[Opening Supplied material section]

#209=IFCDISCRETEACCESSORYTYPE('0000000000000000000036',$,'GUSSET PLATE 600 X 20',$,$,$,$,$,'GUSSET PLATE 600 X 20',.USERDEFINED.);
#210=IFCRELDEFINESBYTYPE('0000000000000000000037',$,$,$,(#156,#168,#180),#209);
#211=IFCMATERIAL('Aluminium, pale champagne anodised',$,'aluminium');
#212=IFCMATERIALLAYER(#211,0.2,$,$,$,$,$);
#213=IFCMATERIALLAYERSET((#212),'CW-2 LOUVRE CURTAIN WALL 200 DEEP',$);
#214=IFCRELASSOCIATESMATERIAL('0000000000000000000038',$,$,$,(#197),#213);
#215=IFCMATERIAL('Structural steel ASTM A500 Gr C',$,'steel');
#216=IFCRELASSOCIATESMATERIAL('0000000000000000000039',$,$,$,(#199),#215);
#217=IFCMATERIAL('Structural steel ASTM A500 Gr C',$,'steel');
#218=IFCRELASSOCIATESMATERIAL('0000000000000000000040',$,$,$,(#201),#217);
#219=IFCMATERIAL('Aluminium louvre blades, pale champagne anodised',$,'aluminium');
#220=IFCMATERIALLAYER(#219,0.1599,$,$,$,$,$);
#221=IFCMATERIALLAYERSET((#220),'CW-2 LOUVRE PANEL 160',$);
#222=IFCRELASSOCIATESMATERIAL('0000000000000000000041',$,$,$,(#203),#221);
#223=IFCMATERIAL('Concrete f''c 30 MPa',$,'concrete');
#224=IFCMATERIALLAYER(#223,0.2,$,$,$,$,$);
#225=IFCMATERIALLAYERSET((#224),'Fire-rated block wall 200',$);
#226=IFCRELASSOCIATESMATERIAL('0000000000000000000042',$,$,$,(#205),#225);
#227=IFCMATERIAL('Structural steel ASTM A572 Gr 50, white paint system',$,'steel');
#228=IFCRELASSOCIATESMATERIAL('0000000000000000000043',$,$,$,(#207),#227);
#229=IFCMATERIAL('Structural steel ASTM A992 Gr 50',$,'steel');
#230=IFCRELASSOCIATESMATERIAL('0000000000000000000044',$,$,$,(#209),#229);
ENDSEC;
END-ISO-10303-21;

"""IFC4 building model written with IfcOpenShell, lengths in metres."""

[Closing Supplied material section]
[Opening Supplied material section]

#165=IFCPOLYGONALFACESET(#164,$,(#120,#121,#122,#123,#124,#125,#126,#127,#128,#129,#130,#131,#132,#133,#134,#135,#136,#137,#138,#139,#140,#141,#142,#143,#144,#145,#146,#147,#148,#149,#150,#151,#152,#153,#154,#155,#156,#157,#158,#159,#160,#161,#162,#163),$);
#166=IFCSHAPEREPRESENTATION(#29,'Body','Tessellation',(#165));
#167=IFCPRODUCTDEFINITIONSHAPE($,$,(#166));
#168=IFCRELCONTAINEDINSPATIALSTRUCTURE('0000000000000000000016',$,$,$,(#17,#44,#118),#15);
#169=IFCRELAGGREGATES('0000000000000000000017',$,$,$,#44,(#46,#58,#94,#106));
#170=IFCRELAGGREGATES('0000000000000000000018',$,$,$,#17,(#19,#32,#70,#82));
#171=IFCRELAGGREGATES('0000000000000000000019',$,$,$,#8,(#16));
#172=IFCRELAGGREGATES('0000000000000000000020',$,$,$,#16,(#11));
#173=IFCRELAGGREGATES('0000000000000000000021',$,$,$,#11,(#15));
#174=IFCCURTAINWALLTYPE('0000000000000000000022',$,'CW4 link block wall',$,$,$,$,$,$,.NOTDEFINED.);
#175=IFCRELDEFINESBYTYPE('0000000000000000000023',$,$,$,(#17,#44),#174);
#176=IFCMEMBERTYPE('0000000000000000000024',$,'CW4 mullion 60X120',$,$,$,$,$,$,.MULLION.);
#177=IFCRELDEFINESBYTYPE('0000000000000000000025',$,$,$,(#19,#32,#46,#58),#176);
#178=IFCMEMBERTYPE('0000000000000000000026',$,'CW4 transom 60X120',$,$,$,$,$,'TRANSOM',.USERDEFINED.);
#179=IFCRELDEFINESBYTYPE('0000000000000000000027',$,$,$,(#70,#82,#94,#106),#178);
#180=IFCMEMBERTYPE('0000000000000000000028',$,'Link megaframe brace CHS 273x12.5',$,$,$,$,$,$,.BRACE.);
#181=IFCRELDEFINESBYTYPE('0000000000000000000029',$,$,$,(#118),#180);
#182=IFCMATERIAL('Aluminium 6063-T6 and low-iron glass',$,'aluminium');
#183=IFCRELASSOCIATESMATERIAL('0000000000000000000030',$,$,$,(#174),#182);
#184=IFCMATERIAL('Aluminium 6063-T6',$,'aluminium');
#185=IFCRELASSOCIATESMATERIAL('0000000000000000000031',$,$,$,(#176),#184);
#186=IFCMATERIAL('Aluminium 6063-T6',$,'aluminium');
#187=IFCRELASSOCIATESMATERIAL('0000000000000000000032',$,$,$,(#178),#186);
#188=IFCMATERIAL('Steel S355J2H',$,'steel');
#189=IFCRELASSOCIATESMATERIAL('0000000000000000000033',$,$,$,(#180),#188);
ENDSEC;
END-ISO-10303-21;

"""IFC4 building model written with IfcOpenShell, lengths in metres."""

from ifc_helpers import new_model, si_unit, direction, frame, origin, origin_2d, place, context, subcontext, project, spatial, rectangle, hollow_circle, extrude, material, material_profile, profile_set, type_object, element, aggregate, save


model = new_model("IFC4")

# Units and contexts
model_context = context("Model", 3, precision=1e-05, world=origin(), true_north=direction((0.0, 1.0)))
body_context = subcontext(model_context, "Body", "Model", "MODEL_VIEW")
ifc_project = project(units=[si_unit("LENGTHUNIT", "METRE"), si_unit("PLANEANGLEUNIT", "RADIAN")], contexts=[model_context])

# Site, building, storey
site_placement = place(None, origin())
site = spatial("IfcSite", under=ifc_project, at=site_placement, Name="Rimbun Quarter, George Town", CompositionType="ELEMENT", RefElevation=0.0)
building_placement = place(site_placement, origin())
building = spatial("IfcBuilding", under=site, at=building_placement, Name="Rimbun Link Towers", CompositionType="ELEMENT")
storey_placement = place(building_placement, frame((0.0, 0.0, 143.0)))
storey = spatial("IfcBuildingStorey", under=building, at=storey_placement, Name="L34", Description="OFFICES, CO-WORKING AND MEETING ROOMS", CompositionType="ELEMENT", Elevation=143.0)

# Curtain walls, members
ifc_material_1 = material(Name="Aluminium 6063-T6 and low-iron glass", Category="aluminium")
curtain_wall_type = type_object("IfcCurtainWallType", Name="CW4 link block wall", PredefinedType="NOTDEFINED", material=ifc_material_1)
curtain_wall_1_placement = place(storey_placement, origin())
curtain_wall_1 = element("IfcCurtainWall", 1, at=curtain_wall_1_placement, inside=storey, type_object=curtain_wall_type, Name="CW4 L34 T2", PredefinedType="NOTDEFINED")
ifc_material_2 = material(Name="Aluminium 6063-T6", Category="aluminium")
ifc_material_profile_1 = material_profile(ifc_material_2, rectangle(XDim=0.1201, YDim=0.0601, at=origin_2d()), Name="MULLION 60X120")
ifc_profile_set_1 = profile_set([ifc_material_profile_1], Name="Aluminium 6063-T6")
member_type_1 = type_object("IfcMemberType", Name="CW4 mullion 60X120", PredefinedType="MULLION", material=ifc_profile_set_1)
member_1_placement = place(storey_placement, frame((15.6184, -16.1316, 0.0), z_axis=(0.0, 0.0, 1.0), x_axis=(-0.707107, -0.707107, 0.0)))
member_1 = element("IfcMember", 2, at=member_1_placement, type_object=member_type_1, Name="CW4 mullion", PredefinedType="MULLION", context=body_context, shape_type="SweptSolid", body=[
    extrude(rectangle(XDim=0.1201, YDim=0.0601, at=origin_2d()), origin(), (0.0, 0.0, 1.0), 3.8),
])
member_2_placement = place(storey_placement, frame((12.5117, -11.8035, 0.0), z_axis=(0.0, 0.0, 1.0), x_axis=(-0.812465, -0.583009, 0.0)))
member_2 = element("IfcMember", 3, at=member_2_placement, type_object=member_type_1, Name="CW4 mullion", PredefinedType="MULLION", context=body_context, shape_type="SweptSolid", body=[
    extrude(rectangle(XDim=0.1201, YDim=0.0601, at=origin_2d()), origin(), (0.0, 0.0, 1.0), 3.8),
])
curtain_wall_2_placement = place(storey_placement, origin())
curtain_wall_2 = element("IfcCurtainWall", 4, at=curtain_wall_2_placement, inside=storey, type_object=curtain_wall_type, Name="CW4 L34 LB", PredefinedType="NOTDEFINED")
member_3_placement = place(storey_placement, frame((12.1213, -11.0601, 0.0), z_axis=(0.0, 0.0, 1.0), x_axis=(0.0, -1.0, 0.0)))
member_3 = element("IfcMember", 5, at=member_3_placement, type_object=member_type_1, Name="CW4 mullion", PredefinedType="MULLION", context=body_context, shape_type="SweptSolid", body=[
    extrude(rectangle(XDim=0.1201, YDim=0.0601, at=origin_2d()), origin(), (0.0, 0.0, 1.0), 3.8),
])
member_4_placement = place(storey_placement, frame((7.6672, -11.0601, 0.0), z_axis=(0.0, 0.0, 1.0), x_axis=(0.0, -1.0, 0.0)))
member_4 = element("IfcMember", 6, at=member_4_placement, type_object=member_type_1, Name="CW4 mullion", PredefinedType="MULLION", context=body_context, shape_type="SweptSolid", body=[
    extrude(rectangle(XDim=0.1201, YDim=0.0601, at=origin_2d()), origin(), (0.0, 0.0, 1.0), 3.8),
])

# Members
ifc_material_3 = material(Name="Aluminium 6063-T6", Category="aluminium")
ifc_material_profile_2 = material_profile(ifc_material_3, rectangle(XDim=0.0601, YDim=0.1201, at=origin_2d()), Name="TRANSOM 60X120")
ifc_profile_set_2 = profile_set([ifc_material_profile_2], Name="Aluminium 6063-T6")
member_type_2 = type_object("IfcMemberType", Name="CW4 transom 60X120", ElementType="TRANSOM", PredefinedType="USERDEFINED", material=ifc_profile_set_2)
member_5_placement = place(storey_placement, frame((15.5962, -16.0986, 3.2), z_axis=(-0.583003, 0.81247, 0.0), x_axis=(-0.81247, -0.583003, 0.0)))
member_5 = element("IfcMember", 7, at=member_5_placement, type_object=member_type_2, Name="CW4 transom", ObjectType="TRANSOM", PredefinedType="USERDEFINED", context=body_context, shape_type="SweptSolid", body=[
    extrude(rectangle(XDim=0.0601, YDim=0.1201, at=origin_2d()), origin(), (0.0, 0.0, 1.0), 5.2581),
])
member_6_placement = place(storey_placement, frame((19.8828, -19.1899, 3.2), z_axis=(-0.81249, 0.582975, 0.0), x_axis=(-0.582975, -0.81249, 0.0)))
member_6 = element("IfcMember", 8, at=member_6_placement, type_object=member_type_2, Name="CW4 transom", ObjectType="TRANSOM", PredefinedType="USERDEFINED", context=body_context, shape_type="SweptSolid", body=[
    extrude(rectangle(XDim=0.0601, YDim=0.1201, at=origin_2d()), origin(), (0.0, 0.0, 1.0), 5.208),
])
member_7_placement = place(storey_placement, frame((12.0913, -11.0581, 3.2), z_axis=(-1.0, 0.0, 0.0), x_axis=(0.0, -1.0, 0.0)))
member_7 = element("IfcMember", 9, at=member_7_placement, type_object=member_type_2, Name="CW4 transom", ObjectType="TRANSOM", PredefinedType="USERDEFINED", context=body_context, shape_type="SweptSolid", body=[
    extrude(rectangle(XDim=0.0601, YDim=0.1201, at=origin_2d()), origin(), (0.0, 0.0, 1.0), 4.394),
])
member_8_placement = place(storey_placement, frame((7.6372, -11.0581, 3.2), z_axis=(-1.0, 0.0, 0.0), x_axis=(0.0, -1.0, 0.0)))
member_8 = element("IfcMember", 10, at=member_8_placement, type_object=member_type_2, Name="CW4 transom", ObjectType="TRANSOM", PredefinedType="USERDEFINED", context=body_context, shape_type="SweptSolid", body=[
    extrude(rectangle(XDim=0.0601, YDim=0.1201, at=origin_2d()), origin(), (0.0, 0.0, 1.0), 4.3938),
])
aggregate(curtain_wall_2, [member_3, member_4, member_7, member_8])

[Closing Supplied material section]
[Opening Supplied material section]

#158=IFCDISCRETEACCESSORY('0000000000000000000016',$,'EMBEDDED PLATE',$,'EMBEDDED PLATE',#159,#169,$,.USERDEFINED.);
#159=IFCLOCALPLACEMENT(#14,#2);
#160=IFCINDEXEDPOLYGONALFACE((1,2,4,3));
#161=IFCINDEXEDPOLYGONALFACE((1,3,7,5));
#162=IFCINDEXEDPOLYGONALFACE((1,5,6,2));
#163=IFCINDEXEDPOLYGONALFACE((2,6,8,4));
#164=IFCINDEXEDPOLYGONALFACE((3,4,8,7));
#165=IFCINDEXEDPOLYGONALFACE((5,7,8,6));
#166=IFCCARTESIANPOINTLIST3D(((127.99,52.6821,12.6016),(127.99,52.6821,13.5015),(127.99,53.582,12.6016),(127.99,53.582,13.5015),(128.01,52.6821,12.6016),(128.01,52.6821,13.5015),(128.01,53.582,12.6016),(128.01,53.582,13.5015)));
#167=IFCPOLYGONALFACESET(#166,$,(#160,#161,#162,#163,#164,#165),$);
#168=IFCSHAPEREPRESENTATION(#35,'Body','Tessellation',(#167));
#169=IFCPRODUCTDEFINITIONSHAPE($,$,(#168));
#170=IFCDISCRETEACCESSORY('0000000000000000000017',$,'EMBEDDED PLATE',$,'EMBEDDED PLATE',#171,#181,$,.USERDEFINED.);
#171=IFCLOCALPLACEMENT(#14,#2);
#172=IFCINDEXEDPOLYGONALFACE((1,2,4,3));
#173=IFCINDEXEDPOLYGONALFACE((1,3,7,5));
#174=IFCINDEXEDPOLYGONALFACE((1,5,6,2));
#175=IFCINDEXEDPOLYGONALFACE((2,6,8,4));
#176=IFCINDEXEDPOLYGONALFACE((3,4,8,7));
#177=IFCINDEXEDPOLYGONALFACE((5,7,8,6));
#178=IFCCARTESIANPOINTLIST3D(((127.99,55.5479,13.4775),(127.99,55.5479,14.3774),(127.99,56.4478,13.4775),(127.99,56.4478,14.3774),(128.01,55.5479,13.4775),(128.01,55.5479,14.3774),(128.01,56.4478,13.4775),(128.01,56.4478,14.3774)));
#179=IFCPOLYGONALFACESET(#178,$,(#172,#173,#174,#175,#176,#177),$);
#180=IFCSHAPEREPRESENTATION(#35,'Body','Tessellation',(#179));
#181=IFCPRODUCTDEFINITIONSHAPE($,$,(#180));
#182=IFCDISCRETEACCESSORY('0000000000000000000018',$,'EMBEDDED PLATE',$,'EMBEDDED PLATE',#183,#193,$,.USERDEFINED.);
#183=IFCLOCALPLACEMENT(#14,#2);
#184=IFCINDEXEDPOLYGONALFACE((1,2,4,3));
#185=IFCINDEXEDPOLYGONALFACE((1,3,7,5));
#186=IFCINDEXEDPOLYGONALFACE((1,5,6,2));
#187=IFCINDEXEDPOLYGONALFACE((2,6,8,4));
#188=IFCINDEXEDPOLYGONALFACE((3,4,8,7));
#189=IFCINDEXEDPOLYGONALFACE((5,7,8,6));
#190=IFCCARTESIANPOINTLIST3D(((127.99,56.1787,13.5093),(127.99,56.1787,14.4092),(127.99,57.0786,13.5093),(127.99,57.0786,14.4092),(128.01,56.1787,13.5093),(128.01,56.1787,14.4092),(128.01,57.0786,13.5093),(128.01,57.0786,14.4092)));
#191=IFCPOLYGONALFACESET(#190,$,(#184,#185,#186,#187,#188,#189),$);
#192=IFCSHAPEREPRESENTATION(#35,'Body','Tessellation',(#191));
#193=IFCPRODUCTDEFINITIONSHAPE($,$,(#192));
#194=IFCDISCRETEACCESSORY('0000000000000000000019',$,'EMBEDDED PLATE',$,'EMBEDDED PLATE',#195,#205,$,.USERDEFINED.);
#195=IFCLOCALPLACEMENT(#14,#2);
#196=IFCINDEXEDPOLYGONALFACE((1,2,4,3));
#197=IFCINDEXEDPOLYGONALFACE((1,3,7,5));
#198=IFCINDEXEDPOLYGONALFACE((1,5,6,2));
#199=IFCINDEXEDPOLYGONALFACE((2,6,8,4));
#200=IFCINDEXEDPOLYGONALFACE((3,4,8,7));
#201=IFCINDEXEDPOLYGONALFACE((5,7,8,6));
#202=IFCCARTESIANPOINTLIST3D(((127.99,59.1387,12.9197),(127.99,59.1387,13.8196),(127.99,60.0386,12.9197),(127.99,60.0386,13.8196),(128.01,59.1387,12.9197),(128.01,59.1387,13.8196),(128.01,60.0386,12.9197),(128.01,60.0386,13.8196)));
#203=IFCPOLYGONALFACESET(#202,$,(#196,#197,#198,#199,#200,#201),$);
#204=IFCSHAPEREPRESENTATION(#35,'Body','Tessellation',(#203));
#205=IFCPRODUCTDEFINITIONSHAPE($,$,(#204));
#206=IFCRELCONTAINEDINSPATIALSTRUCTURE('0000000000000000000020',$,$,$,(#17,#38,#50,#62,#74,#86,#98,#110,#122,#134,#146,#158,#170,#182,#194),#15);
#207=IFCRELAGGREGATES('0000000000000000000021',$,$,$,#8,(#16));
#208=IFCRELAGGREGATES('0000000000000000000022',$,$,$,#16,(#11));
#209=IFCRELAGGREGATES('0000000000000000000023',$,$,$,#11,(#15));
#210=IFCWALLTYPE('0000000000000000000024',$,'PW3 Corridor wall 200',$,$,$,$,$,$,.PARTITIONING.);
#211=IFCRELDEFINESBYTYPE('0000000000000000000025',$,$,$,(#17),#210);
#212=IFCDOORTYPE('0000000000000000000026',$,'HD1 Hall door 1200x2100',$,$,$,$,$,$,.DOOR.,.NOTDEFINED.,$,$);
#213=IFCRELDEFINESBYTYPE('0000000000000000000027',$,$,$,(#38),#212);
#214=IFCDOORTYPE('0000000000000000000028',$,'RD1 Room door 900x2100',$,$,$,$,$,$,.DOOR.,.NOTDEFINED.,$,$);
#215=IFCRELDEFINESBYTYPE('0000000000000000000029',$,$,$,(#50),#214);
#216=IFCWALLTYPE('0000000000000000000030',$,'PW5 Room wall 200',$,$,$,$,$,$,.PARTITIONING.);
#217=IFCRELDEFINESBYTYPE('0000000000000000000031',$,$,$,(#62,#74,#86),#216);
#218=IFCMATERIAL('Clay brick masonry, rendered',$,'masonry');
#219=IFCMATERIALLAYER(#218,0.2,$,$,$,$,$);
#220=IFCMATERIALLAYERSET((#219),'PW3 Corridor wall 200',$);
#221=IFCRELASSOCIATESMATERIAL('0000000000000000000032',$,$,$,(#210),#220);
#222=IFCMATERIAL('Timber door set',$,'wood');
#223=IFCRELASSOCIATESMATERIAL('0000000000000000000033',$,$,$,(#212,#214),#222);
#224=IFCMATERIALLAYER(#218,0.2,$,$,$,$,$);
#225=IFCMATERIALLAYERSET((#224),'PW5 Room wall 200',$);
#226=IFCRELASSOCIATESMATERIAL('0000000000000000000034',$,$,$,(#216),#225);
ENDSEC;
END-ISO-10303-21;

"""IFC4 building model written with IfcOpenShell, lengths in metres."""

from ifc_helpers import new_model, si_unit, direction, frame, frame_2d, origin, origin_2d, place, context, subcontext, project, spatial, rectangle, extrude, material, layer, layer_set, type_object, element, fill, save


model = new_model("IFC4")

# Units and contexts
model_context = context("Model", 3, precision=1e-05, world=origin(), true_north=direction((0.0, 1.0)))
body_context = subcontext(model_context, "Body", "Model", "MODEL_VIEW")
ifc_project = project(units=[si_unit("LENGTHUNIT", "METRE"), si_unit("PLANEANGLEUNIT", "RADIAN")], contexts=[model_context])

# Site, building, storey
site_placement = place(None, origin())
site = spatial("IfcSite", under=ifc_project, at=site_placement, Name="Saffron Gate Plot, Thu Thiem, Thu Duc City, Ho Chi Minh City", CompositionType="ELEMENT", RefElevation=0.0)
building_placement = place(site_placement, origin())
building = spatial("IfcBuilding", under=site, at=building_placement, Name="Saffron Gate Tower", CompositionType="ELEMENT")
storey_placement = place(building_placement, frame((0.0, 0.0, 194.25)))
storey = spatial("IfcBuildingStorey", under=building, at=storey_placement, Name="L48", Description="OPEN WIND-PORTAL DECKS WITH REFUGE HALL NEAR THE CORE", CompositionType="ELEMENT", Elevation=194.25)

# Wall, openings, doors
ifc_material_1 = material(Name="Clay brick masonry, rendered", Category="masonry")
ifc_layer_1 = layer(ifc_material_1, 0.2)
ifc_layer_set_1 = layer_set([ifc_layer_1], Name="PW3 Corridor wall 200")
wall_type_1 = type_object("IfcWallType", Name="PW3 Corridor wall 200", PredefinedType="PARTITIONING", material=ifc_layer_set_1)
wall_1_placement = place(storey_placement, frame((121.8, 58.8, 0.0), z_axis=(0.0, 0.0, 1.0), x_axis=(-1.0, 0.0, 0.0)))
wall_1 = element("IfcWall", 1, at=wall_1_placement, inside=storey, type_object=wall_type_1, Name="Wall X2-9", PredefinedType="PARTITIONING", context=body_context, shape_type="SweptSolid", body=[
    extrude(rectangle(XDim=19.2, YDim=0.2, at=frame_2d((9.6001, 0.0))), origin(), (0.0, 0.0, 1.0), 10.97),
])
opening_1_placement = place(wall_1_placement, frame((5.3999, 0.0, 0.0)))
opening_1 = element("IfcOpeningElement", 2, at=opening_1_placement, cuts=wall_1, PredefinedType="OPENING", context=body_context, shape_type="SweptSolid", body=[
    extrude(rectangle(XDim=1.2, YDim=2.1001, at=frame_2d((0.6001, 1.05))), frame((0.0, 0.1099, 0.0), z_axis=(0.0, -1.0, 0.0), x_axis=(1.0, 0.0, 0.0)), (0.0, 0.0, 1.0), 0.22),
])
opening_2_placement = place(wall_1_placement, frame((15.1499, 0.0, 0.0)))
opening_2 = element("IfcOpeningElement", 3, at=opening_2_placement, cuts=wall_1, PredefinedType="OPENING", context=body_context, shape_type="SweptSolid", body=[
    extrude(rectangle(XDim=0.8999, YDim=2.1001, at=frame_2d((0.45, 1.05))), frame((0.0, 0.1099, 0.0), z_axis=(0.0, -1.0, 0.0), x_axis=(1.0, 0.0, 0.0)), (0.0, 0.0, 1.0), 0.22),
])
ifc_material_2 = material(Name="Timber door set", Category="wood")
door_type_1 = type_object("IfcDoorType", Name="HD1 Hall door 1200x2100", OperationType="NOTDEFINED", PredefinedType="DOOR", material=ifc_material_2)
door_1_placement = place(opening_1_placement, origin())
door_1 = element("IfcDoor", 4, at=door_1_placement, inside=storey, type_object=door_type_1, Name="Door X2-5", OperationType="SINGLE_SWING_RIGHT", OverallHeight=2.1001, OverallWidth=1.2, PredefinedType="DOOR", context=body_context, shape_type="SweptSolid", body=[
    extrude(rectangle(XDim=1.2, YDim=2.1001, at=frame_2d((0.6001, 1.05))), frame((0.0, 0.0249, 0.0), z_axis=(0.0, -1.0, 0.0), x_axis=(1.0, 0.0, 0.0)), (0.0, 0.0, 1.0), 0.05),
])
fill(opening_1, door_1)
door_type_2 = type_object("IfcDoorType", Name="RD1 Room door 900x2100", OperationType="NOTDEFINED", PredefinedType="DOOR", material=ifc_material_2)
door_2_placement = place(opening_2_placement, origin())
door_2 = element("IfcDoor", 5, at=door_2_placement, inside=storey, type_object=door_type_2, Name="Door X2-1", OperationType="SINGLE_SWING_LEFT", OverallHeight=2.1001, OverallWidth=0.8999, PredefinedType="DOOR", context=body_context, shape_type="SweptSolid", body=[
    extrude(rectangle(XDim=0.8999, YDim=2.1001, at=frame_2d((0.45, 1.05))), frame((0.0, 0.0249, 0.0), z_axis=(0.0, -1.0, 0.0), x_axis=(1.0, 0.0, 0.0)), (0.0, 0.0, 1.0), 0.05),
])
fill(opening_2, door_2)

[Closing Supplied material section]

◆ Task objective ◆
Print exactly the lines above from the one with "#220=IFCMATERIALLAYER(#219,0.1599,$,$,$,$,$);" to the one with "#229=IFCMATERIAL('Structural steel ASTM", including both.

◆ Solution to this problem ◆
#220=IFCMATERIALLAYER(#219,0.1599,$,$,$,$,$);
#221=IFCMATERIALLAYERSET((#220),'CW-2 LOUVRE PANEL 160',$);
#222=IFCRELASSOCIATESMATERIAL('0000000000000000000041',$,$,$,(#203),#221);
#223=IFCMATERIAL('Concrete f''c 30 MPa',$,'concrete');
#224=IFCMATERIALLAYER(#223,0.2,$,$,$,$,$);
#225=IFCMATERIALLAYERSET((#224),'Fire-rated block wall 200',$);
#226=IFCRELASSOCIATESMATERIAL('0000000000000000000042',$,$,$,(#205),#225);
#227=IFCMATERIAL('Structural steel ASTM A572 Gr 50, white paint system',$,'steel');
#228=IFCRELASSOCIATESMATERIAL('0000000000000000000043',$,$,$,(#207),#227);
#229=IFCMATERIAL('Structural steel ASTM A992 Gr 50',$,'steel');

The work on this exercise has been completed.